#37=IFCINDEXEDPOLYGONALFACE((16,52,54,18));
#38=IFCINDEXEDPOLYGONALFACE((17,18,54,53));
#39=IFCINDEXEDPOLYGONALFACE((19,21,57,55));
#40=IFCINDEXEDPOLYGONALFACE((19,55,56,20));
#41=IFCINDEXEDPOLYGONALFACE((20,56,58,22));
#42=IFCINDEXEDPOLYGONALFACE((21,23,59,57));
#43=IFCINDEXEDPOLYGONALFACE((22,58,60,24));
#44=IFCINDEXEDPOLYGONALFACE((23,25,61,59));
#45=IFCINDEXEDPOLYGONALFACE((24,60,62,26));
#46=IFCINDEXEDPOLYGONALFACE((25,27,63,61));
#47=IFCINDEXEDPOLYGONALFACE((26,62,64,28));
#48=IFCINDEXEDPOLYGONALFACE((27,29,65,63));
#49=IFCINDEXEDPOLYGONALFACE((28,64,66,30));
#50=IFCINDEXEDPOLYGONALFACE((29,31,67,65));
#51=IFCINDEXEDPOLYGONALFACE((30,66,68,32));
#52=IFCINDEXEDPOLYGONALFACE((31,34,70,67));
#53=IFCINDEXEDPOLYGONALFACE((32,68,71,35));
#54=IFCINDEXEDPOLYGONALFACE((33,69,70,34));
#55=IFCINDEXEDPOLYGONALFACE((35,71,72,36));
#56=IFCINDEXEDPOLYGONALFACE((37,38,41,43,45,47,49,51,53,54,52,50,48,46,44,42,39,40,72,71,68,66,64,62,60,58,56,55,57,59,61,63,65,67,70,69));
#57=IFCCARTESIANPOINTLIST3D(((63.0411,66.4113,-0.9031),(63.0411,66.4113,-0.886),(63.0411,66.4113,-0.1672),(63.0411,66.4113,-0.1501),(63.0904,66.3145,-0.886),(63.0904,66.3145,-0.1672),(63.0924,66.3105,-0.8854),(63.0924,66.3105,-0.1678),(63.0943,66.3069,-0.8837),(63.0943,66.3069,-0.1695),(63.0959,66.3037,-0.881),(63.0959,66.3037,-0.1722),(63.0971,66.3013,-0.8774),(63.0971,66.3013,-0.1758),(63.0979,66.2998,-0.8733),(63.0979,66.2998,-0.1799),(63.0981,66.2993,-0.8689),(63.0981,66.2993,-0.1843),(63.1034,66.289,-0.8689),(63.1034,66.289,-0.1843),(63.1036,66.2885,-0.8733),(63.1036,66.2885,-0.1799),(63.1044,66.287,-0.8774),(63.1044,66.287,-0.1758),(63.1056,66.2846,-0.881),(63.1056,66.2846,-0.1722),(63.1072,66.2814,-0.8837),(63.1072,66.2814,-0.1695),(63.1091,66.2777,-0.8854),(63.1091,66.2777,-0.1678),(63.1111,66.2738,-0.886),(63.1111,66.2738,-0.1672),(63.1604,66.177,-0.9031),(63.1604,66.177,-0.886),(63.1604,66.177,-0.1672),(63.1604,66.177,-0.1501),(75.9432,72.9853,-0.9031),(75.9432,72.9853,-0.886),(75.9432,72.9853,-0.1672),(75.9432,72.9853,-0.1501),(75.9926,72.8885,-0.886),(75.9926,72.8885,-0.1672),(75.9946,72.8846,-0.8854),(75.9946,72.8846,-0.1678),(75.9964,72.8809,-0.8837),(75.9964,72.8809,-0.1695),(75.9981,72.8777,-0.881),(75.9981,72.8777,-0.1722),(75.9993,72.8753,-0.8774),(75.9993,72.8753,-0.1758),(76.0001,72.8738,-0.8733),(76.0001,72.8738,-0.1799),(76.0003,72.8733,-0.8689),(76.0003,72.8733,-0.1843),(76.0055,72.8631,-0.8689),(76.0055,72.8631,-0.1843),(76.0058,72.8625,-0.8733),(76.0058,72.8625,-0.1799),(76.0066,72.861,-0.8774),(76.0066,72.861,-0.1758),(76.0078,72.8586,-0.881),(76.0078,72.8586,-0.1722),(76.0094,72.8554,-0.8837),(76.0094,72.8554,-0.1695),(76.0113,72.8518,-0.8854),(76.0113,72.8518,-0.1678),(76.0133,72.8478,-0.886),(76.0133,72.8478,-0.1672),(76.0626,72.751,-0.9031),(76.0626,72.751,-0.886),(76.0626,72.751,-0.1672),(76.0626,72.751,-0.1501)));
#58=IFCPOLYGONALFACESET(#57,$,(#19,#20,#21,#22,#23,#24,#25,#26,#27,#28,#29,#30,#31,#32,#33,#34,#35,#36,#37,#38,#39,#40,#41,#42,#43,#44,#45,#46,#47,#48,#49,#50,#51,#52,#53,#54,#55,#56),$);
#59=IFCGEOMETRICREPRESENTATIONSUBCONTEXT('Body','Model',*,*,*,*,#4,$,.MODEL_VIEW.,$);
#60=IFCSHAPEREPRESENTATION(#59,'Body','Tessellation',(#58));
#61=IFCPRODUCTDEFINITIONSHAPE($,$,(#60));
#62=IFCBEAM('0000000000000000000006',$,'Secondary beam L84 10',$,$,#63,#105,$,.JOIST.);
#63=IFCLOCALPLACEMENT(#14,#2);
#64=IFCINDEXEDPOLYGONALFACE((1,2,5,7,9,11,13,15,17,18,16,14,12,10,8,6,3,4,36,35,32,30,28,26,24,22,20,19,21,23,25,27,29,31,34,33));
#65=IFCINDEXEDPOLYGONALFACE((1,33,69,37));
::::::
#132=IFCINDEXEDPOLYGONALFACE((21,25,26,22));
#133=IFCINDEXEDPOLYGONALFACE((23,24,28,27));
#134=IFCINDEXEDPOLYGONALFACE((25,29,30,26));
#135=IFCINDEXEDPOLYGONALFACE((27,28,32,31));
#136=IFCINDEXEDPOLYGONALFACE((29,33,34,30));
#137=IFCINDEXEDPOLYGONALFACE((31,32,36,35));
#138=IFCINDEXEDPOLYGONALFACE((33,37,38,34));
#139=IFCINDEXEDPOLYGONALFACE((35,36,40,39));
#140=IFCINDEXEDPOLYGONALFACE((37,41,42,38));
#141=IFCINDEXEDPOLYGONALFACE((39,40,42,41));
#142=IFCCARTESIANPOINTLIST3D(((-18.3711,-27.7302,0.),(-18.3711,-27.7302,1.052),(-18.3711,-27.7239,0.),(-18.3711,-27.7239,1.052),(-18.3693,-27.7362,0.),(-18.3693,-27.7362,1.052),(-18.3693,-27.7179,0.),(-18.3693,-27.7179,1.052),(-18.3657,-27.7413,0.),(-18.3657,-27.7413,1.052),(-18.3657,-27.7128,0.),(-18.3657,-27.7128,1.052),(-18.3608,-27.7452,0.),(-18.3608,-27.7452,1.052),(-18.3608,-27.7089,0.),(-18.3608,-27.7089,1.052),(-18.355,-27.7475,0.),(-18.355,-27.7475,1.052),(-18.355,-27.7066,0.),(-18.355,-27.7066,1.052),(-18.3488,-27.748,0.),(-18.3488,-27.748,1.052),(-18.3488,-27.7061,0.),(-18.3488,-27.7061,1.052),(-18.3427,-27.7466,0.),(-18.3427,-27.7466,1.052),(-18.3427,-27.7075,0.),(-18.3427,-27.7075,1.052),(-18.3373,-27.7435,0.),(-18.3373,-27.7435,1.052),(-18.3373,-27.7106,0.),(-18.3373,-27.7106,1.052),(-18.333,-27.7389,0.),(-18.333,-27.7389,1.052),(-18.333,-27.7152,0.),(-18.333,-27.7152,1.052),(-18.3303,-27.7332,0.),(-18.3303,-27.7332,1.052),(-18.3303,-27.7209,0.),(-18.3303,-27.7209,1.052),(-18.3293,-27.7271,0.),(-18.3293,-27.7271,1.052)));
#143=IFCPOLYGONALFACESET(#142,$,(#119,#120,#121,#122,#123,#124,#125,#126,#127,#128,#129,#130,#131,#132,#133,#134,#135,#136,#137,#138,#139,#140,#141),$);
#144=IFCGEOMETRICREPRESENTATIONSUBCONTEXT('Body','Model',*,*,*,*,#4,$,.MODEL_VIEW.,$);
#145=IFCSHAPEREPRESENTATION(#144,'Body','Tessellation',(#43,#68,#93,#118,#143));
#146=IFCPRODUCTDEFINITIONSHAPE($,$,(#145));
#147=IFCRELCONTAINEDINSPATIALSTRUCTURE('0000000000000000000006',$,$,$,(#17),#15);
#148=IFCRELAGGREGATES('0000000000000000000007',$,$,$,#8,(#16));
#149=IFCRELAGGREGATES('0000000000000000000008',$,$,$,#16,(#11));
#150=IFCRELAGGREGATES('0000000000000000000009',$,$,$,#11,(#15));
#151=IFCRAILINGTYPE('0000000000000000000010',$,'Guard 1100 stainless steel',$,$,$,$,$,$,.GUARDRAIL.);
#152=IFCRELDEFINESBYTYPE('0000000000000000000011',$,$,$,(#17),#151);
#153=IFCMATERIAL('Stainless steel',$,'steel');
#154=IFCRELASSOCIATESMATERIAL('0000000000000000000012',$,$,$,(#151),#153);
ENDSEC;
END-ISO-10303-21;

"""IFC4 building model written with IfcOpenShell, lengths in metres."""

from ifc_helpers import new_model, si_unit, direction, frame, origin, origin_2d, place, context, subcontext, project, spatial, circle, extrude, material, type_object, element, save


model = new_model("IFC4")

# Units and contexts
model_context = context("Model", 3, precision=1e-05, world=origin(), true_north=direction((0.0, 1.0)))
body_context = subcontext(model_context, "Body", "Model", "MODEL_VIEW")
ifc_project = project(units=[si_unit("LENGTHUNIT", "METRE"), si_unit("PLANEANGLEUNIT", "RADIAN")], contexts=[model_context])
::::::
### DIRECTIONS
Repeat the entries above verbatim, but only from the line that has "#132=IFCINDEXEDPOLYGONALFACE((21,25,26,22));" down to the line that has "#137=IFCINDEXEDPOLYGONALFACE((31,32,36,35));", inclusive.

### EXERCISE RESULT
#132=IFCINDEXEDPOLYGONALFACE((21,25,26,22));
#133=IFCINDEXEDPOLYGONALFACE((23,24,28,27));
#134=IFCINDEXEDPOLYGONALFACE((25,29,30,26));
#135=IFCINDEXEDPOLYGONALFACE((27,28,32,31));
#136=IFCINDEXEDPOLYGONALFACE((29,33,34,30));
#137=IFCINDEXEDPOLYGONALFACE((31,32,36,35));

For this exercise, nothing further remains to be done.